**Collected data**

====

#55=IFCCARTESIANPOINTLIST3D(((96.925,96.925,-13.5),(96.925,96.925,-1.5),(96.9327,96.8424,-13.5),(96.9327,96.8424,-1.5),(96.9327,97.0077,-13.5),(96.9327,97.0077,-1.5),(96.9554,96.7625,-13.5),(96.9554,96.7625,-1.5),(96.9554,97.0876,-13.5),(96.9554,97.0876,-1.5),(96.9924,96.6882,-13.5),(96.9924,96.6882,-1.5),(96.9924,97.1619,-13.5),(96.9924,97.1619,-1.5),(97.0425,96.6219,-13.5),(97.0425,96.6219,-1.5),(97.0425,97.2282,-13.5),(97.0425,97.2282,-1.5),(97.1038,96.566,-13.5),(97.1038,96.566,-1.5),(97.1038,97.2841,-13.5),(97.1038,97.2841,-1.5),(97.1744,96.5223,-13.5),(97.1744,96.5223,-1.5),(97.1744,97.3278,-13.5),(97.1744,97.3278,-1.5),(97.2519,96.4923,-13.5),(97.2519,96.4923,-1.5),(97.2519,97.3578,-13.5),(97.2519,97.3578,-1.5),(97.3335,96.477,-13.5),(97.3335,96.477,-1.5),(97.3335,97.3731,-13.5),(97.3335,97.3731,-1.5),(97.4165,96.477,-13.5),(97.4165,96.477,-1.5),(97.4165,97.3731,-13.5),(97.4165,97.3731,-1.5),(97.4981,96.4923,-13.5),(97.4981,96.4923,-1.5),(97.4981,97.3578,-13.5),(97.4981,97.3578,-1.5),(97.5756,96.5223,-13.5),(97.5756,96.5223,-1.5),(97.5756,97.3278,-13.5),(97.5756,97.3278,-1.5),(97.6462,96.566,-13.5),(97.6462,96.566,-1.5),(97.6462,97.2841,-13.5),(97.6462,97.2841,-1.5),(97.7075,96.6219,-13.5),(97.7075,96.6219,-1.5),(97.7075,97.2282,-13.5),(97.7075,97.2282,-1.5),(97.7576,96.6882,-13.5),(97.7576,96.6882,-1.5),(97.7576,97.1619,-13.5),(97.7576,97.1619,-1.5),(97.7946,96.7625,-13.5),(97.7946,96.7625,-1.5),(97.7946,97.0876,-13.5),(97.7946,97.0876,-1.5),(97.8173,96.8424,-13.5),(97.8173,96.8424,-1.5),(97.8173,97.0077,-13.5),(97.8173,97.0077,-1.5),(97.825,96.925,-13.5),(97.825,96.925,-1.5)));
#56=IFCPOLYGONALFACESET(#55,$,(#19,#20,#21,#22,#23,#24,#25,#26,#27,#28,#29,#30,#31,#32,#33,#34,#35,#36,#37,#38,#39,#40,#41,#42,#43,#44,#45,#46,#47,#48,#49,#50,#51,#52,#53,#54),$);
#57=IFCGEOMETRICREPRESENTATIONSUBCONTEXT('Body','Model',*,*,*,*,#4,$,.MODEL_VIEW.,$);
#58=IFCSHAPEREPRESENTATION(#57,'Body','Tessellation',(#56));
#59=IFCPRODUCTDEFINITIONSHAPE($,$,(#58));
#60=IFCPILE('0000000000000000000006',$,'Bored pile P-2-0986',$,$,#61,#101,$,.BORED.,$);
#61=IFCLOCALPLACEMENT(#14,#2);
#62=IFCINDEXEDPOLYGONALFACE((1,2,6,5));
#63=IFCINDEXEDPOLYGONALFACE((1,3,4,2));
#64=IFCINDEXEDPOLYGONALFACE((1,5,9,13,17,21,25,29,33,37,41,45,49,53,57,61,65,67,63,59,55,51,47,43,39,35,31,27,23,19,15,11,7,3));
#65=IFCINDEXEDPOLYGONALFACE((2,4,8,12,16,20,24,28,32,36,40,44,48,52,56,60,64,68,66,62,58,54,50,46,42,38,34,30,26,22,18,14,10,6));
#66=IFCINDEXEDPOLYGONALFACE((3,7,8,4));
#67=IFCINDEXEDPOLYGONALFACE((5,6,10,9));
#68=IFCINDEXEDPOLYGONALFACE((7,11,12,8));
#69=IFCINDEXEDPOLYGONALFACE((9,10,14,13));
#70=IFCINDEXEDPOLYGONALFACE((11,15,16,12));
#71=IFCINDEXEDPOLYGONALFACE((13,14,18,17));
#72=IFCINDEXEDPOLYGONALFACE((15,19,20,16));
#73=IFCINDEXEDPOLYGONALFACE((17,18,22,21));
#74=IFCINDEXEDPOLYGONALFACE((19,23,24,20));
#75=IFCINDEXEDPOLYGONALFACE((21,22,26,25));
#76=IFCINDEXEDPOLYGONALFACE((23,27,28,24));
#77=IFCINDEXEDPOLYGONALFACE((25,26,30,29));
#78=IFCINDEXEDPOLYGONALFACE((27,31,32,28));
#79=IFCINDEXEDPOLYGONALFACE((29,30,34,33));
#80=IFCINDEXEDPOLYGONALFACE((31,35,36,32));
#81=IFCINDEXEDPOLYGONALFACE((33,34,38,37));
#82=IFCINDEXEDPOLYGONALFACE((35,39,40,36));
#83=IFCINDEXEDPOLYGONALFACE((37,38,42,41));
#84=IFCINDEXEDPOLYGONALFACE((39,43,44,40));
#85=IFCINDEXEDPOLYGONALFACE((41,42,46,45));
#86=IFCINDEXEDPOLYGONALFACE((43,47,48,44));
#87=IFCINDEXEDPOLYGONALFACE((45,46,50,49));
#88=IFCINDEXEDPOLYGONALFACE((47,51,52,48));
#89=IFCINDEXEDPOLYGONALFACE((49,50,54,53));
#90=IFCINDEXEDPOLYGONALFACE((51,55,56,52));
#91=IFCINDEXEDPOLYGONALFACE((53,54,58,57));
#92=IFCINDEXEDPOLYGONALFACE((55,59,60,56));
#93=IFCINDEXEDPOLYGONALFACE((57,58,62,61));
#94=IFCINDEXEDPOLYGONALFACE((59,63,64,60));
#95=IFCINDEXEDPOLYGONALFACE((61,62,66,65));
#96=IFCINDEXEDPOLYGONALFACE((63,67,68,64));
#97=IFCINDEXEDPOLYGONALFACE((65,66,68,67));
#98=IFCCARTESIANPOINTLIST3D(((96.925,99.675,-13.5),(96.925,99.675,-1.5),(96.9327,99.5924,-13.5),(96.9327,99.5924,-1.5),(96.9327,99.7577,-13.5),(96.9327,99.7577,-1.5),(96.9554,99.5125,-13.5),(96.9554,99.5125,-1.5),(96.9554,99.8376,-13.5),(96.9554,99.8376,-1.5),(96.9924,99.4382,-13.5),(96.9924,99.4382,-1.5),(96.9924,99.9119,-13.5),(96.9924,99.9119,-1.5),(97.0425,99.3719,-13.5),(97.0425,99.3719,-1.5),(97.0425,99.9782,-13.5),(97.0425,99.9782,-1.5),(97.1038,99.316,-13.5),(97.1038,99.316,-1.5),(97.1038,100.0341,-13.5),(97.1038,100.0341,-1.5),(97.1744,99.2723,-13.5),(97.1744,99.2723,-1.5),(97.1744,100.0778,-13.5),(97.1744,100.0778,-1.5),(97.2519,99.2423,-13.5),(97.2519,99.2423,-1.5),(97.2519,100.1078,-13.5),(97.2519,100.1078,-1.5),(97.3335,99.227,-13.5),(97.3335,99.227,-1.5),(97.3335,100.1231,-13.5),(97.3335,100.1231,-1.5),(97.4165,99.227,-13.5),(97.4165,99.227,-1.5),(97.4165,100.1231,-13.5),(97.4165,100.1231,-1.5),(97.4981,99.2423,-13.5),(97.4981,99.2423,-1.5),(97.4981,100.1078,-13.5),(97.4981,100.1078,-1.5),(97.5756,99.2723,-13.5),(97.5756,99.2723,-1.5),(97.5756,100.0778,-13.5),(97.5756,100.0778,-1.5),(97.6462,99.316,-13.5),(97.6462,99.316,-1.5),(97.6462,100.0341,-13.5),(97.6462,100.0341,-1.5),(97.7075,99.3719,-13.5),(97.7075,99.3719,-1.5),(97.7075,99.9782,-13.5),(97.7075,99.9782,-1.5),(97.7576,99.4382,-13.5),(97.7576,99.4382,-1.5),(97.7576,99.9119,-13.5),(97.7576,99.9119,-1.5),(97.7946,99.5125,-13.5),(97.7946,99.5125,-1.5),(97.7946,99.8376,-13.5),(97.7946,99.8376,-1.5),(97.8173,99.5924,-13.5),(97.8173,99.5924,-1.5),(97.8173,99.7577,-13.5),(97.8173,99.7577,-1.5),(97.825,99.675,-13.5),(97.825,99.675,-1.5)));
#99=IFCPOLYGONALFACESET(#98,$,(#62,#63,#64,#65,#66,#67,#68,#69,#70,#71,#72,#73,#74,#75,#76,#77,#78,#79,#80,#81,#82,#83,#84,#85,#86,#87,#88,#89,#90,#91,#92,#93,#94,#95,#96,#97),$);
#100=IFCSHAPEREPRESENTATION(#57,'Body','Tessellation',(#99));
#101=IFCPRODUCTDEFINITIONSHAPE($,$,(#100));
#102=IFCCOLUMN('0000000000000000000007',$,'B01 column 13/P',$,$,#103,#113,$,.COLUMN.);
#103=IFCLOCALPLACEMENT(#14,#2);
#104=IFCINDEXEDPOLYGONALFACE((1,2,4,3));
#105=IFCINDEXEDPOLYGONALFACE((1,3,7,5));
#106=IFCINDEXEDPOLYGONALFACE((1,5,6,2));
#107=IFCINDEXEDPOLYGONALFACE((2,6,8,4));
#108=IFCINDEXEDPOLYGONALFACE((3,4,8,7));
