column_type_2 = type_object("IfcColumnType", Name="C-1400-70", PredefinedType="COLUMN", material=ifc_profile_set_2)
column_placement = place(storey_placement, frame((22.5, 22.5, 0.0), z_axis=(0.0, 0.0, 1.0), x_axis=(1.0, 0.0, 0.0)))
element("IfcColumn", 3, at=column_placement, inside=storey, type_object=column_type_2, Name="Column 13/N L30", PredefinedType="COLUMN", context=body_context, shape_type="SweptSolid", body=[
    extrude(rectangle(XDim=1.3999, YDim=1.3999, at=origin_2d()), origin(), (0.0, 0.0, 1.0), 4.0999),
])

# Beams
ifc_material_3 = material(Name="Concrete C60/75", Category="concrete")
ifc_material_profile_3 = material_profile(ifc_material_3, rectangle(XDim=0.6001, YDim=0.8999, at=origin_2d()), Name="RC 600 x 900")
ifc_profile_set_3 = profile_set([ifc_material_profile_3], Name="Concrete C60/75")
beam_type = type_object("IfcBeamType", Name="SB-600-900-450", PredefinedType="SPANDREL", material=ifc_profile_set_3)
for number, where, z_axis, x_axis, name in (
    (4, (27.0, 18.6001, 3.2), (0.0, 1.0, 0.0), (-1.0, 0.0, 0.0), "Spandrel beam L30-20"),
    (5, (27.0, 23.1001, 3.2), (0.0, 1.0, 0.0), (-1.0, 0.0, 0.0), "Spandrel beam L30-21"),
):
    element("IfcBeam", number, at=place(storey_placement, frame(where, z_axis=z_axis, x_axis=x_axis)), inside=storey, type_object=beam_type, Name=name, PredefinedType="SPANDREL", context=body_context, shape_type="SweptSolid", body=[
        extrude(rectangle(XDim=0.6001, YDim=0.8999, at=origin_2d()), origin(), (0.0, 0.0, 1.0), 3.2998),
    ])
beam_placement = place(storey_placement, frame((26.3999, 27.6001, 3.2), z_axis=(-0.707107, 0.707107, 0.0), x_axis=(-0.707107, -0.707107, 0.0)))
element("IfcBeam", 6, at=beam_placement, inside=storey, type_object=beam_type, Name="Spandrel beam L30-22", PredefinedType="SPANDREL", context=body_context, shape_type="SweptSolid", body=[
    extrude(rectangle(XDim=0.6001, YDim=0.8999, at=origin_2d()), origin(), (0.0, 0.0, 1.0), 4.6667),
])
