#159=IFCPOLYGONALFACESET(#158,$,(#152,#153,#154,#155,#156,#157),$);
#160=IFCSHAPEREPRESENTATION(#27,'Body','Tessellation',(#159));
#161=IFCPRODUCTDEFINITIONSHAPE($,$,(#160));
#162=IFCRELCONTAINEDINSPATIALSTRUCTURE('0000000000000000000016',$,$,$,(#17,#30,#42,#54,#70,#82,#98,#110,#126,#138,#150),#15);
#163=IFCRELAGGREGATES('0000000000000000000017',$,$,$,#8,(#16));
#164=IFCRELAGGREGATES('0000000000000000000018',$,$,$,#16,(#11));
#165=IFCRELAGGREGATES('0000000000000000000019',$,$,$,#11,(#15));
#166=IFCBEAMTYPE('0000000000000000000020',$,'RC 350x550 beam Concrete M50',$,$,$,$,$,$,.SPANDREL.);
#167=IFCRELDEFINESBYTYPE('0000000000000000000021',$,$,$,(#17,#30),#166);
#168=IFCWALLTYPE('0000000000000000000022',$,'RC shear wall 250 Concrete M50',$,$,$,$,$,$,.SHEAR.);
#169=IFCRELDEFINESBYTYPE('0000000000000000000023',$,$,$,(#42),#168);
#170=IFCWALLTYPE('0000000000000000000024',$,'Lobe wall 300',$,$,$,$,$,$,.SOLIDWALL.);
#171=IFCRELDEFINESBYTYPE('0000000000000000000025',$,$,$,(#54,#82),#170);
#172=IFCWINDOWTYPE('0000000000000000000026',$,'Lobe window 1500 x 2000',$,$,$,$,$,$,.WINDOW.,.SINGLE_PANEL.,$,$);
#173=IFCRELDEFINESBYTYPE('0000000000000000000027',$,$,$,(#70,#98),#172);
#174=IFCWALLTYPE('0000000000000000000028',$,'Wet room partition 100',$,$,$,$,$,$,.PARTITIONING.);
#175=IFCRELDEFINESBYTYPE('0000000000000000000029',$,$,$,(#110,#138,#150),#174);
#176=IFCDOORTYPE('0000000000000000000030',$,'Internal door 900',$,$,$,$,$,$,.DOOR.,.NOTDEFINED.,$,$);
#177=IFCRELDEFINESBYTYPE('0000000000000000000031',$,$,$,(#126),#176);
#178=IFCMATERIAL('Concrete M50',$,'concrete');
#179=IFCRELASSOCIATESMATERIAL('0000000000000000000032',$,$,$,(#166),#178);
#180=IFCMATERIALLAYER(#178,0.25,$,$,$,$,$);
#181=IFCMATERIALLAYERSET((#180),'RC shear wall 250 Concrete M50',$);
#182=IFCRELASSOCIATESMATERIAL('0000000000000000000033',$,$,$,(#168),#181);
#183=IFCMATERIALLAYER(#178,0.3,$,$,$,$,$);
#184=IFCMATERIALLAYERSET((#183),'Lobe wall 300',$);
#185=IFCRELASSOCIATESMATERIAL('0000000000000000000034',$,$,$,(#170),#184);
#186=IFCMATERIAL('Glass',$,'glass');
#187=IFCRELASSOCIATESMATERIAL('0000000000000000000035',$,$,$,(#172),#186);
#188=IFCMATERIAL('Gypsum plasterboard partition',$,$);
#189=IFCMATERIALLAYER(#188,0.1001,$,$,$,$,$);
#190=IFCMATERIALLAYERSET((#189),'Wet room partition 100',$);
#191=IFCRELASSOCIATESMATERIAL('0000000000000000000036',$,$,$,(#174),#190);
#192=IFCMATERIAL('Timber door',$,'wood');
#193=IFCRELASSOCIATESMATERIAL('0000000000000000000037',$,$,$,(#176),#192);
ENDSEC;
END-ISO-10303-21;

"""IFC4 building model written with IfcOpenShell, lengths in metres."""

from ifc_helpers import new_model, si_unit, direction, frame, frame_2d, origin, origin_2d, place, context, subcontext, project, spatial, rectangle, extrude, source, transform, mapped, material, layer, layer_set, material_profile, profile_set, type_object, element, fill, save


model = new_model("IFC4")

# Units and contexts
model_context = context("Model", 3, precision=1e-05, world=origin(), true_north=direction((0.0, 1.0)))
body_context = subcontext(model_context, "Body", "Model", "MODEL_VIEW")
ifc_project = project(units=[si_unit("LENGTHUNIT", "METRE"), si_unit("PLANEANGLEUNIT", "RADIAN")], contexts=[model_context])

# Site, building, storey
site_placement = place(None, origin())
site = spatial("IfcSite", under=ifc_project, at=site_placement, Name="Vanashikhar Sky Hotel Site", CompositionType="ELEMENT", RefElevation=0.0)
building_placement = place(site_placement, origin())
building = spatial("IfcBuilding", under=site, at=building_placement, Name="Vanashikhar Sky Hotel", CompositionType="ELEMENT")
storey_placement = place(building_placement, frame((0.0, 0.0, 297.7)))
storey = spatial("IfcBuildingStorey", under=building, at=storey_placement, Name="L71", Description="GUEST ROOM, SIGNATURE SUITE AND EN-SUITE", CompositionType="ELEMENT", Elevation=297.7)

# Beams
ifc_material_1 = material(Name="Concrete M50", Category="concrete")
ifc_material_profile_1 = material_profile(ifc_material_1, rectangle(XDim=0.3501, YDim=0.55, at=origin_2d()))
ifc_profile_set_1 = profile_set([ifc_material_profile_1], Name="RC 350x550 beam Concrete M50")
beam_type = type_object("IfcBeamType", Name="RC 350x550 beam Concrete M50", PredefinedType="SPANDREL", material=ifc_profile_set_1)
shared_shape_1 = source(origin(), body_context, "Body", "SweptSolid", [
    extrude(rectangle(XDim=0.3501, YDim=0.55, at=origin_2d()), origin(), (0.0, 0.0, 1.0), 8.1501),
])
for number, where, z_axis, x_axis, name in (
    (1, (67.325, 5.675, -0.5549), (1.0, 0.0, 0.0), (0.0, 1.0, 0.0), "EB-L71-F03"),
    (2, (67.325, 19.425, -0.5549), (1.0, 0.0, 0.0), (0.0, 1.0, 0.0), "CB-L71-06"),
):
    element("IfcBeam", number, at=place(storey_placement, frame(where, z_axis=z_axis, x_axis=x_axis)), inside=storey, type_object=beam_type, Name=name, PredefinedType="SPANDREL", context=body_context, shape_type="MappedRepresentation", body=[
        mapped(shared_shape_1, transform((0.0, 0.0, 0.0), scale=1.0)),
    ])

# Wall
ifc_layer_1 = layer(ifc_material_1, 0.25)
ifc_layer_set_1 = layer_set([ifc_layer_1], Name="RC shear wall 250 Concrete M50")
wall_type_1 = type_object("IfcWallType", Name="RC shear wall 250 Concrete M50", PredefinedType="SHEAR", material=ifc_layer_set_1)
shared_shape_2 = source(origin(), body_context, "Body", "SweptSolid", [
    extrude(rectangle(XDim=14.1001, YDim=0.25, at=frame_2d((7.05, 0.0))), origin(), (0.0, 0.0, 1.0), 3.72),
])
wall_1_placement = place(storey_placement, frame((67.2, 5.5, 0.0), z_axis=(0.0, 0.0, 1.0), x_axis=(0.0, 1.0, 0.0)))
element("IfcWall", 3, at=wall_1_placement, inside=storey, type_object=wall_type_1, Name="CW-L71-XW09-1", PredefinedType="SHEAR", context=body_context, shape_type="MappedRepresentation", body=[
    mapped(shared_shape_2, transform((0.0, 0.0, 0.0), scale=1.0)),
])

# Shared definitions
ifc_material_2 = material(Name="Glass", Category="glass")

====

**PROBLEM TO SOLVE**
Gather each line in the data that holds the string "contexts".

**OUTPUT BELOW**
# Units and contexts
ifc_project = project(units=[si_unit("LENGTHUNIT", "METRE"), si_unit("PLANEANGLEUNIT", "RADIAN")], contexts=[model_context])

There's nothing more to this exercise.